◆ **Goal of the exercise**
Begin at the top of the records and copy each line exactly. The line containing "#189=IFCINDEXEDPOLYGONALFACE((67,71,72,68));" is the last one to include.

◆ **Data provided**
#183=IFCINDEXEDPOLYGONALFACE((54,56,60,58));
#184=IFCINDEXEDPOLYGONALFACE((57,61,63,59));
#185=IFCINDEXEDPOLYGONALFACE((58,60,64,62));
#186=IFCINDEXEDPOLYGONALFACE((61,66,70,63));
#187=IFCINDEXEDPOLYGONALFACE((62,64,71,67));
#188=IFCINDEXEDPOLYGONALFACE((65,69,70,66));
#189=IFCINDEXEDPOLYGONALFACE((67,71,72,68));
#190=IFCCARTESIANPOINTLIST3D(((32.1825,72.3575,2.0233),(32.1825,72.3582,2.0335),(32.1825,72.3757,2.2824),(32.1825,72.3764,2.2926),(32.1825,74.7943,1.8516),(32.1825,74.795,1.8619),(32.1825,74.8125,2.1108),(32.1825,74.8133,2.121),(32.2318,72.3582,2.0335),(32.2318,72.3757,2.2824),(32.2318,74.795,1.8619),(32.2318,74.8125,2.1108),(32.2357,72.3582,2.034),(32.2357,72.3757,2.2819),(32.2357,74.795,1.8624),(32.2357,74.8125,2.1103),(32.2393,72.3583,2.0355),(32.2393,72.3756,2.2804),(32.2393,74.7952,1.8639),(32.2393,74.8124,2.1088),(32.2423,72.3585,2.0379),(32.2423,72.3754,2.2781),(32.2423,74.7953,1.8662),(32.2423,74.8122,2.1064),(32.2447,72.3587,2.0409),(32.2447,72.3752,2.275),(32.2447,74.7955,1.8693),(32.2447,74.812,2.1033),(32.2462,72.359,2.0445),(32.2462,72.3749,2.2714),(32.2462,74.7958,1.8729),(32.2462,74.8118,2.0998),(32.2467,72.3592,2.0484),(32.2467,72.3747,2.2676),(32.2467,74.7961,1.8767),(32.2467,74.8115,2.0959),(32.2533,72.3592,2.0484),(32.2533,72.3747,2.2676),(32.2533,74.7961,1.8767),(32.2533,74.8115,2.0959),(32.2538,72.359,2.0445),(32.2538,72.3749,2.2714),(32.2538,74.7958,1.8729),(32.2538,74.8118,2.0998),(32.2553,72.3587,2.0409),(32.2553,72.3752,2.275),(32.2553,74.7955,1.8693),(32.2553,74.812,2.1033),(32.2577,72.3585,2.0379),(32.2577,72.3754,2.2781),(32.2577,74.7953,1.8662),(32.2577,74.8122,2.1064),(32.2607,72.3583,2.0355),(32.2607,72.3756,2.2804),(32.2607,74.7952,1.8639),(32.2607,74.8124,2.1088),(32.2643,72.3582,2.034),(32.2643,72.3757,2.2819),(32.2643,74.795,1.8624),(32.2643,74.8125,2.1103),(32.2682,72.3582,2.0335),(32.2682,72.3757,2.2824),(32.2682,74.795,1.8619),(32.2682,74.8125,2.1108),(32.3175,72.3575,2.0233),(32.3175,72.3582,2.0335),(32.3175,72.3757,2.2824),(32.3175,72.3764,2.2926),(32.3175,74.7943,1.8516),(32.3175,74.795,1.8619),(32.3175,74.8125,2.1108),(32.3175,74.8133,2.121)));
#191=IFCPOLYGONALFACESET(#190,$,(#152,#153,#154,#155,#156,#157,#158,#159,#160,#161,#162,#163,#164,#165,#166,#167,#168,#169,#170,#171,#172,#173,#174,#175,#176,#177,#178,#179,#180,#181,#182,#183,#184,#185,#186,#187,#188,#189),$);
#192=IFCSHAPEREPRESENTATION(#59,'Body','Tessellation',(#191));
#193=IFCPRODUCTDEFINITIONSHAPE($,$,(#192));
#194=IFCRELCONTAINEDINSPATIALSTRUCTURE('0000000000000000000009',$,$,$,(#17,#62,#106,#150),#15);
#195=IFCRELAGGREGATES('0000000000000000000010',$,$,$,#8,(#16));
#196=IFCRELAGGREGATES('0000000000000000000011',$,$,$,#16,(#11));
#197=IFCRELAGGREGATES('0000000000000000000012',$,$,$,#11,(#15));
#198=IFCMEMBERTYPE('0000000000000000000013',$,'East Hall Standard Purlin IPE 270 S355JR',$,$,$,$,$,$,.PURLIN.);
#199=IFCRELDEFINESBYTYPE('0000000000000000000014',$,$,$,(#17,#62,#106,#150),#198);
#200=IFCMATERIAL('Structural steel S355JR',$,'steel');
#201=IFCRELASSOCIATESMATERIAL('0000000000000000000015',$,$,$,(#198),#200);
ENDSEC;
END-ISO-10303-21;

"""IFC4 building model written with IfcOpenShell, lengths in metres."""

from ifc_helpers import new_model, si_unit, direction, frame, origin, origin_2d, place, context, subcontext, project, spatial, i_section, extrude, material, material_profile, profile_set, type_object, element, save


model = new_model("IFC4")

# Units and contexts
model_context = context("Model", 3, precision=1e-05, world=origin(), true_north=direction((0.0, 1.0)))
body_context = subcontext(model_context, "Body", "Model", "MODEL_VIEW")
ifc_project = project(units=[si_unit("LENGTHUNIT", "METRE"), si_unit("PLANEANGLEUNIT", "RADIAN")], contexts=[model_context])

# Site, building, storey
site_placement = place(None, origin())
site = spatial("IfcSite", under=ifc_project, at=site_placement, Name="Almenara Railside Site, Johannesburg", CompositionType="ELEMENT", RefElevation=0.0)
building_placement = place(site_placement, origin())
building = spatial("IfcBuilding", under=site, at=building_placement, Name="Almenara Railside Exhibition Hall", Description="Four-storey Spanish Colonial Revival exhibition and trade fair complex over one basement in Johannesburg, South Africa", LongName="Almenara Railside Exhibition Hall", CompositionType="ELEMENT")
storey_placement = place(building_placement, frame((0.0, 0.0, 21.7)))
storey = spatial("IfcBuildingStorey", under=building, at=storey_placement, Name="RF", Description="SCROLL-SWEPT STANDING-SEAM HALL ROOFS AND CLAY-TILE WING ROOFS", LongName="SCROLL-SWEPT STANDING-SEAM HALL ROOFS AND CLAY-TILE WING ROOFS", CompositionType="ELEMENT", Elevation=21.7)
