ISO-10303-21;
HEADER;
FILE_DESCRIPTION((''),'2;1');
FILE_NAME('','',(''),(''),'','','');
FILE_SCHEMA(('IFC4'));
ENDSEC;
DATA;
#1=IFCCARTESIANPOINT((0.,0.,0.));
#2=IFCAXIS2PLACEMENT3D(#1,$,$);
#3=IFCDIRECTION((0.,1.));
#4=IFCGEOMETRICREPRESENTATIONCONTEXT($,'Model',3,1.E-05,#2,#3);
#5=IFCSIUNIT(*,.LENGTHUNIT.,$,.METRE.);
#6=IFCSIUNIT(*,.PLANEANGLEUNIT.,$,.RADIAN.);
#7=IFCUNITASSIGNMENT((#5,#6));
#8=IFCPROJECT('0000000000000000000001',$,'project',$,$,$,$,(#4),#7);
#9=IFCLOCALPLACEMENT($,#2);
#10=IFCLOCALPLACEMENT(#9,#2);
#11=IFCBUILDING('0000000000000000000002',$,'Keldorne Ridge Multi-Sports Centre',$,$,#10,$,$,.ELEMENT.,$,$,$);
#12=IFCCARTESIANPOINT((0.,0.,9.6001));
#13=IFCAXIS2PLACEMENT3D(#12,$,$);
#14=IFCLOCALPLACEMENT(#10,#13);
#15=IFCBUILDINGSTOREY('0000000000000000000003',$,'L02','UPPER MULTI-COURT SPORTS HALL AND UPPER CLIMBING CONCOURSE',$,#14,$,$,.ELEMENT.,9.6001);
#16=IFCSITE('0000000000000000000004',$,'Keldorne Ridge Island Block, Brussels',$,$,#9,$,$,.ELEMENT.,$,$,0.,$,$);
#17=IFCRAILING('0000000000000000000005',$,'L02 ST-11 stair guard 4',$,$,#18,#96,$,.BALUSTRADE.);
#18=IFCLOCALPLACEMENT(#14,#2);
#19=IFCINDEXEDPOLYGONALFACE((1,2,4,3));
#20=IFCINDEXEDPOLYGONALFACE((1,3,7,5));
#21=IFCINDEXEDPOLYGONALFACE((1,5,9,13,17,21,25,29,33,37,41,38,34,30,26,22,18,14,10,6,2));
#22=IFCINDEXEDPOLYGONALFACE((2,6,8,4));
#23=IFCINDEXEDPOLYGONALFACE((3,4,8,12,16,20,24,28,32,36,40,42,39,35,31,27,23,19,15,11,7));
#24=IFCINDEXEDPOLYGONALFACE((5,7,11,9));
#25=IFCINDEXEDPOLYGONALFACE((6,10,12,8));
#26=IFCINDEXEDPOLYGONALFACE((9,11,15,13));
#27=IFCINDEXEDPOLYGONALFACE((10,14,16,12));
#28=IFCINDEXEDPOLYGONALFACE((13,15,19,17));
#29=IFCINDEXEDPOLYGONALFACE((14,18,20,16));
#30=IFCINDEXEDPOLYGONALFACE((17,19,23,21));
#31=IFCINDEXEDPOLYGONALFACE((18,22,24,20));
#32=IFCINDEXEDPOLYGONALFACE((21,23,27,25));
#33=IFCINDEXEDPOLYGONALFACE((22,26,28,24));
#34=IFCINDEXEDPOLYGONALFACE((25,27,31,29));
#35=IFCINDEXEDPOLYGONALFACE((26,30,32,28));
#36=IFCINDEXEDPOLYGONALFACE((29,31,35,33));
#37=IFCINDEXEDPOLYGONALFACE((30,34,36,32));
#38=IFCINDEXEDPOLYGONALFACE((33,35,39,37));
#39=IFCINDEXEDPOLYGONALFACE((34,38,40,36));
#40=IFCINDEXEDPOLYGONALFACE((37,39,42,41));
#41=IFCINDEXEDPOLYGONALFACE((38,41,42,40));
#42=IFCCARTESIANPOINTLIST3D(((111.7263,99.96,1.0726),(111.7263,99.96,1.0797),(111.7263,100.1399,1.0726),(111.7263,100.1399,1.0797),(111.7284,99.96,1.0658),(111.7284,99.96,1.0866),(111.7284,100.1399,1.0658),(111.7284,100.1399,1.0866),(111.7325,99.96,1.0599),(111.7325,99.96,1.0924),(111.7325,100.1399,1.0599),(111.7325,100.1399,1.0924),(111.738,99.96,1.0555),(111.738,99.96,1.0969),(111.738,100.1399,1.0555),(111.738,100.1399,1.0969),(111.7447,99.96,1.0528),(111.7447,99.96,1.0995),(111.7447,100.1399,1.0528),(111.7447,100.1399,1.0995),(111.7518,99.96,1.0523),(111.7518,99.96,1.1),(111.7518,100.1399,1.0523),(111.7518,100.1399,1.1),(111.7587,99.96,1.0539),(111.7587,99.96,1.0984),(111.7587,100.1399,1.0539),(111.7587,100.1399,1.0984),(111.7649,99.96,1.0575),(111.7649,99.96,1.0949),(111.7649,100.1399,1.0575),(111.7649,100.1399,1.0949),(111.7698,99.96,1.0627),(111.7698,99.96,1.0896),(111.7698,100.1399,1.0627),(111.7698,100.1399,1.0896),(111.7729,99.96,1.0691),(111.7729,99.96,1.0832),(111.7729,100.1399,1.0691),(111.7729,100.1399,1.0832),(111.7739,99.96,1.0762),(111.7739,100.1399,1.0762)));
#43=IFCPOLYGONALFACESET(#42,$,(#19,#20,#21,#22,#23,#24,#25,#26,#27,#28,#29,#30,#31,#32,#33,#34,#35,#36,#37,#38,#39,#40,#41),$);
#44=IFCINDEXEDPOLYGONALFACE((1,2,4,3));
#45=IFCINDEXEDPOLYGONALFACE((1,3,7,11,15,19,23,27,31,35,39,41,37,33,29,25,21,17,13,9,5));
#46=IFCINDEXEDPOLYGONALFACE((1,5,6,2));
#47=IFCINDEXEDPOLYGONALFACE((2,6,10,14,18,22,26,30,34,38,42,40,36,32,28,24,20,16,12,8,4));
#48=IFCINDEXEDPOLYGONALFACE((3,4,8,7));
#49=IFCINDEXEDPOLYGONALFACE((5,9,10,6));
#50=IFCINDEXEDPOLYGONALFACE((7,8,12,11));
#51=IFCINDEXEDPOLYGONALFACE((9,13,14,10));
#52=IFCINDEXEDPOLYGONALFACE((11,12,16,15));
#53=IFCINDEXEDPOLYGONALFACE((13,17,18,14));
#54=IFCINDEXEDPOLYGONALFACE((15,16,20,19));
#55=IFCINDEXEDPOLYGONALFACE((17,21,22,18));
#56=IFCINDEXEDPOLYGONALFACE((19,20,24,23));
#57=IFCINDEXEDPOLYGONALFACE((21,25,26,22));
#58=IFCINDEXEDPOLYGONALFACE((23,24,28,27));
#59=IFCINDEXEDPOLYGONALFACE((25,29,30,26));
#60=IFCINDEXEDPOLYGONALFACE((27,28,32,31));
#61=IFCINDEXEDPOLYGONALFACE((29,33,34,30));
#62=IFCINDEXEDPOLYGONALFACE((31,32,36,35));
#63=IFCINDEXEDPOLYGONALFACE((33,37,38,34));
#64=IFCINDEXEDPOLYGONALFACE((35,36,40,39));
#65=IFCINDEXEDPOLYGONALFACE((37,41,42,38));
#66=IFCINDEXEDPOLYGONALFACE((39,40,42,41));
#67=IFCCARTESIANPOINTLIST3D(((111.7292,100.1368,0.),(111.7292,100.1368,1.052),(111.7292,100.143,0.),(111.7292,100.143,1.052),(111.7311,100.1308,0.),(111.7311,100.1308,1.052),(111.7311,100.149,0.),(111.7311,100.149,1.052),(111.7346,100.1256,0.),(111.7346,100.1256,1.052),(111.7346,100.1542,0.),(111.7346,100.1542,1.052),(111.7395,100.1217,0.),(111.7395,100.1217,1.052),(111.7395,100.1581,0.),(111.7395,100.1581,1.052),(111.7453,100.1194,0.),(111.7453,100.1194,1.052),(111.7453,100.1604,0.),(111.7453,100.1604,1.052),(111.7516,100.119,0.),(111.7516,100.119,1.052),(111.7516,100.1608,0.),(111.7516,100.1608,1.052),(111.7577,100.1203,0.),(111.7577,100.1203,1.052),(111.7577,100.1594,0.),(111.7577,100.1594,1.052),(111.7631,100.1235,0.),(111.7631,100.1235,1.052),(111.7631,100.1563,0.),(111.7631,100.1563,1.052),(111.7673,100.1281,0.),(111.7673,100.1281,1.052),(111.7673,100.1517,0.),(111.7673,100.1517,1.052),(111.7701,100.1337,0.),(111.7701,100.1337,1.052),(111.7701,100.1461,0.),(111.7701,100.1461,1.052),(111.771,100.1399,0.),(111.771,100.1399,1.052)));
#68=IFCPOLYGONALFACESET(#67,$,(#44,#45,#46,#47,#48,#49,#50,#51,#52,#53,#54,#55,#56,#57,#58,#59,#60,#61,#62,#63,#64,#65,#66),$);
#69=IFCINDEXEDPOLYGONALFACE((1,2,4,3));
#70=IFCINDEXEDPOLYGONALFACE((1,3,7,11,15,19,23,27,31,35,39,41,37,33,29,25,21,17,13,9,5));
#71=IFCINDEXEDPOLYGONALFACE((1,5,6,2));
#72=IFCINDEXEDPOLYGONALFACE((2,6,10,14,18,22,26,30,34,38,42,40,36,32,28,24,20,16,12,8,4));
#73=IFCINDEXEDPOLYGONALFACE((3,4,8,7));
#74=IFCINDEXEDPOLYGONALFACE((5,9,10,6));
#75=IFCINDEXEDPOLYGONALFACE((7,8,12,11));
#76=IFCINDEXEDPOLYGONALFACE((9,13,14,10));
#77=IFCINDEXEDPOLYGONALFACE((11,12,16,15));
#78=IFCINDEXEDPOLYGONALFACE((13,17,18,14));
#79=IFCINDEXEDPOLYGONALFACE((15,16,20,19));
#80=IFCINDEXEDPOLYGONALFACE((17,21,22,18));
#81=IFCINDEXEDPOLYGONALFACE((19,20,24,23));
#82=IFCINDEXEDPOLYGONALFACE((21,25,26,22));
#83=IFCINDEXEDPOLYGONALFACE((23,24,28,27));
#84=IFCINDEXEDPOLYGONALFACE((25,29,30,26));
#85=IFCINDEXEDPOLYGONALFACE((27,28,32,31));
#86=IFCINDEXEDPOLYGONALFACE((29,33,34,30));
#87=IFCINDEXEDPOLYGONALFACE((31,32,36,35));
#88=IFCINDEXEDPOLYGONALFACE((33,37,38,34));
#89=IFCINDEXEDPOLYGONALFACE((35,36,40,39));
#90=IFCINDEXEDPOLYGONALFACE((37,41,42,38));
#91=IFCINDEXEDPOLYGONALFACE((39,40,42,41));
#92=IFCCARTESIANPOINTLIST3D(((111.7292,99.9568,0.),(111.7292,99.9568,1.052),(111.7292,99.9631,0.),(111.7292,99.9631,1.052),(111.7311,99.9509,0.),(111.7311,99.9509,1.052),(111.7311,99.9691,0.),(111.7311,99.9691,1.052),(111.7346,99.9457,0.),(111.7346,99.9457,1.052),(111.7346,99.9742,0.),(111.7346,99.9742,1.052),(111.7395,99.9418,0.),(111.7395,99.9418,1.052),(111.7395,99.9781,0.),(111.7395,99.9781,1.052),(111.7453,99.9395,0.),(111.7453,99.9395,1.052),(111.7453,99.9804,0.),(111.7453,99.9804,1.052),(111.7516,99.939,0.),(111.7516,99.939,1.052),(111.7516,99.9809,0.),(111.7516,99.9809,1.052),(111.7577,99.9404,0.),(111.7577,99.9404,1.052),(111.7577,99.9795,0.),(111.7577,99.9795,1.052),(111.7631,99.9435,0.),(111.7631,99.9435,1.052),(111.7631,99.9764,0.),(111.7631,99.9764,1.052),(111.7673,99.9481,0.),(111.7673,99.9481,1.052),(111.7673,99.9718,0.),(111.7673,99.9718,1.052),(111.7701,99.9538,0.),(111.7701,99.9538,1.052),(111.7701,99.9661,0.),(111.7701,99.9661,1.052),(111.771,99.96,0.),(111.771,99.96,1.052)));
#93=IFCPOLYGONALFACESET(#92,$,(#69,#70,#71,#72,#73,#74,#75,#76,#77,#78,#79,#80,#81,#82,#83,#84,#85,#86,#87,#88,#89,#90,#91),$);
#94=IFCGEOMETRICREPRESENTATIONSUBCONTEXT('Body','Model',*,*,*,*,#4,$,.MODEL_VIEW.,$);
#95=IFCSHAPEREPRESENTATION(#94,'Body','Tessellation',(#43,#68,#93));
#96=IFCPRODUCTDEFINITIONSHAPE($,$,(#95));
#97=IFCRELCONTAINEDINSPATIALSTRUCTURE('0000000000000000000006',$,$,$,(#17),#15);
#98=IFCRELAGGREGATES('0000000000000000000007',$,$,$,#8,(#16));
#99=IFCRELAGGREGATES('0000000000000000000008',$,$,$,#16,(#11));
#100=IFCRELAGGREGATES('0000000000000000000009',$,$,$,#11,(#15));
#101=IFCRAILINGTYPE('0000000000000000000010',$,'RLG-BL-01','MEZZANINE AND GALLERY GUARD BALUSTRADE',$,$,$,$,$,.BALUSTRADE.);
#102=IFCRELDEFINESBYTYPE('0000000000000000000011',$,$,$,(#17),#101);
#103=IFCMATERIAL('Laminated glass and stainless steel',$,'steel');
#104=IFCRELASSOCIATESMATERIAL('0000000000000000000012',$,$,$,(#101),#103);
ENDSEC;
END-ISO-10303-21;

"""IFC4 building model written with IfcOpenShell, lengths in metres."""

from ifc_helpers import new_model, si_unit, direction, frame, origin, origin_2d, place, context, subcontext, project, spatial, circle, extrude, material, type_object, element, save


model = new_model("IFC4")

# Units and contexts
model_context = context("Model", 3, precision=1e-05, world=origin(), true_north=direction((0.0, 1.0)))
body_context = subcontext(model_context, "Body", "Model", "MODEL_VIEW")
ifc_project = project(units=[si_unit("LENGTHUNIT", "METRE"), si_unit("PLANEANGLEUNIT", "RADIAN")], contexts=[model_context])

# Site, building, storey
site_placement = place(None, origin())
site = spatial("IfcSite", under=ifc_project, at=site_placement, Name="Keldorne Ridge Island Block, Brussels", CompositionType="ELEMENT", RefElevation=0.0)
building_placement = place(site_placement, origin())
building = spatial("IfcBuilding", under=site, at=building_placement, Name="Keldorne Ridge Multi-Sports Centre", CompositionType="ELEMENT")
storey_placement = place(building_placement, frame((0.0, 0.0, 9.6001)))
storey = spatial("IfcBuildingStorey", under=building, at=storey_placement, Name="L02", Description="UPPER MULTI-COURT SPORTS HALL AND UPPER CLIMBING CONCOURSE", CompositionType="ELEMENT", Elevation=9.6001)

# Railing
ifc_material_1 = material(Name="Laminated glass and stainless steel", Category="steel")
railing_type_1 = type_object("IfcRailingType", Name="RLG-BL-01", Description="MEZZANINE AND GALLERY GUARD BALUSTRADE", PredefinedType="BALUSTRADE", material=ifc_material_1)
railing_1_placement = place(storey_placement, frame((111.75, 100.1399, 0.0)))
element("IfcRailing", 1, at=railing_1_placement, inside=storey, type_object=railing_type_1, Name="L02 ST-11 stair guard 4", PredefinedType="BALUSTRADE", context=body_context, shape_type="SweptSolid", body=[
    extrude(circle(Radius=0.0239, at=origin_2d()), frame((0.0, 0.0, 1.0762), z_axis=(0.0, -1.0, 0.0), x_axis=(1.0, 0.0, 0.0)), (0.0, 0.0, 1.0), 0.1799),
    extrude(circle(Radius=0.021, at=origin_2d()), origin(), (0.0, 0.0, 1.0), 1.052),
    extrude(circle(Radius=0.021, at=origin_2d()), frame((0.0, -0.1799, 0.0)), (0.0, 0.0, 1.0), 1.052),
])

save(model, "model.ifc")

◆ **Answer for the task**
#183=IFCINDEXEDPOLYGONALFACE((54,56,60,58));
#184=IFCINDEXEDPOLYGONALFACE((57,61,63,59));
#185=IFCINDEXEDPOLYGONALFACE((58,60,64,62));
#186=IFCINDEXEDPOLYGONALFACE((61,66,70,63));
#187=IFCINDEXEDPOLYGONALFACE((62,64,71,67));
#188=IFCINDEXEDPOLYGONALFACE((65,69,70,66));
#189=IFCINDEXEDPOLYGONALFACE((67,71,72,68));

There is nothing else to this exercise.